- _What you are asked to do_
Beginning with the line containing "#131=IFCINDEXEDPOLYGONALFACE((2,4,7,5));" and ending with the last line of the records, set down every line exactly.

(Saved data entries)
+ + + +

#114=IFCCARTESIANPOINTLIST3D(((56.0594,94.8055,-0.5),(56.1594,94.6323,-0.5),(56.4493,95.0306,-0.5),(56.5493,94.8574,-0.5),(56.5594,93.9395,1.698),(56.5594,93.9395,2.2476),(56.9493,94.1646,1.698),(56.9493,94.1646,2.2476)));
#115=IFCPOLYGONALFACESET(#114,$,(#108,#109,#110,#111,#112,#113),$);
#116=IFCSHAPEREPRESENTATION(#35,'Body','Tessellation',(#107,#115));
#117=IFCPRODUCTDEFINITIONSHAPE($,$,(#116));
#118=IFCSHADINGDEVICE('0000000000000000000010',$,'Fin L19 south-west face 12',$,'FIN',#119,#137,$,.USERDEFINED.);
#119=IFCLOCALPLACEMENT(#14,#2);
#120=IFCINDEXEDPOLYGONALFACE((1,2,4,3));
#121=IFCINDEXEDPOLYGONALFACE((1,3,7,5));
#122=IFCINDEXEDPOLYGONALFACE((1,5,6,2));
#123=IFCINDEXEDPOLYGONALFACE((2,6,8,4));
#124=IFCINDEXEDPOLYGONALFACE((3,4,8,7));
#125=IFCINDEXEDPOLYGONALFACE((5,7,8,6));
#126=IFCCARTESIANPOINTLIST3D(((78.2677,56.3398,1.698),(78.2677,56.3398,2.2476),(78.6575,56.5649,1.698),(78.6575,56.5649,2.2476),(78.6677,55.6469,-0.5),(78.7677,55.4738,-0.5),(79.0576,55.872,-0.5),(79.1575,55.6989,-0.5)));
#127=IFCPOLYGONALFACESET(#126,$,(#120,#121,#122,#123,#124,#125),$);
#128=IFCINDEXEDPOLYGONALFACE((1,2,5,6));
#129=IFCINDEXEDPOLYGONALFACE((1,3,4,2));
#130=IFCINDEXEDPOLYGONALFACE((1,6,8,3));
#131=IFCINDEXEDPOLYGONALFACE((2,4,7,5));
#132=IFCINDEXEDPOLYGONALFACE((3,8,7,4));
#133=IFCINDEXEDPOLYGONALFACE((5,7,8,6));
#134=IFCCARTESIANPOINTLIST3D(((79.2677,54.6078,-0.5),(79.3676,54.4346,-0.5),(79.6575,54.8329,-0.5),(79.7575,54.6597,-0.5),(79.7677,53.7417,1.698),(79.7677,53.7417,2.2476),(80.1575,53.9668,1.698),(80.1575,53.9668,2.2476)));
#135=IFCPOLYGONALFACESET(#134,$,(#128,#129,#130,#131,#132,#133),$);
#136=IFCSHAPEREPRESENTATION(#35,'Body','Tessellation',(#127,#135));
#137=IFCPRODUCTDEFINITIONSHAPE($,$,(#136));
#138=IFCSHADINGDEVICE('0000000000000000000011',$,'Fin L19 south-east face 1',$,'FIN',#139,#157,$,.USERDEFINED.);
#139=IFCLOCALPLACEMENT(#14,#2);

+ + + +

- _Solution_
#131=IFCINDEXEDPOLYGONALFACE((2,4,7,5));
#132=IFCINDEXEDPOLYGONALFACE((3,8,7,4));
#133=IFCINDEXEDPOLYGONALFACE((5,7,8,6));
#134=IFCCARTESIANPOINTLIST3D(((79.2677,54.6078,-0.5),(79.3676,54.4346,-0.5),(79.6575,54.8329,-0.5),(79.7575,54.6597,-0.5),(79.7677,53.7417,1.698),(79.7677,53.7417,2.2476),(80.1575,53.9668,1.698),(80.1575,53.9668,2.2476)));
#135=IFCPOLYGONALFACESET(#134,$,(#128,#129,#130,#131,#132,#133),$);
#136=IFCSHAPEREPRESENTATION(#35,'Body','Tessellation',(#127,#135));
#137=IFCPRODUCTDEFINITIONSHAPE($,$,(#136));
#138=IFCSHADINGDEVICE('0000000000000000000011',$,'Fin L19 south-east face 1',$,'FIN',#139,#157,$,.USERDEFINED.);
#139=IFCLOCALPLACEMENT(#14,#2);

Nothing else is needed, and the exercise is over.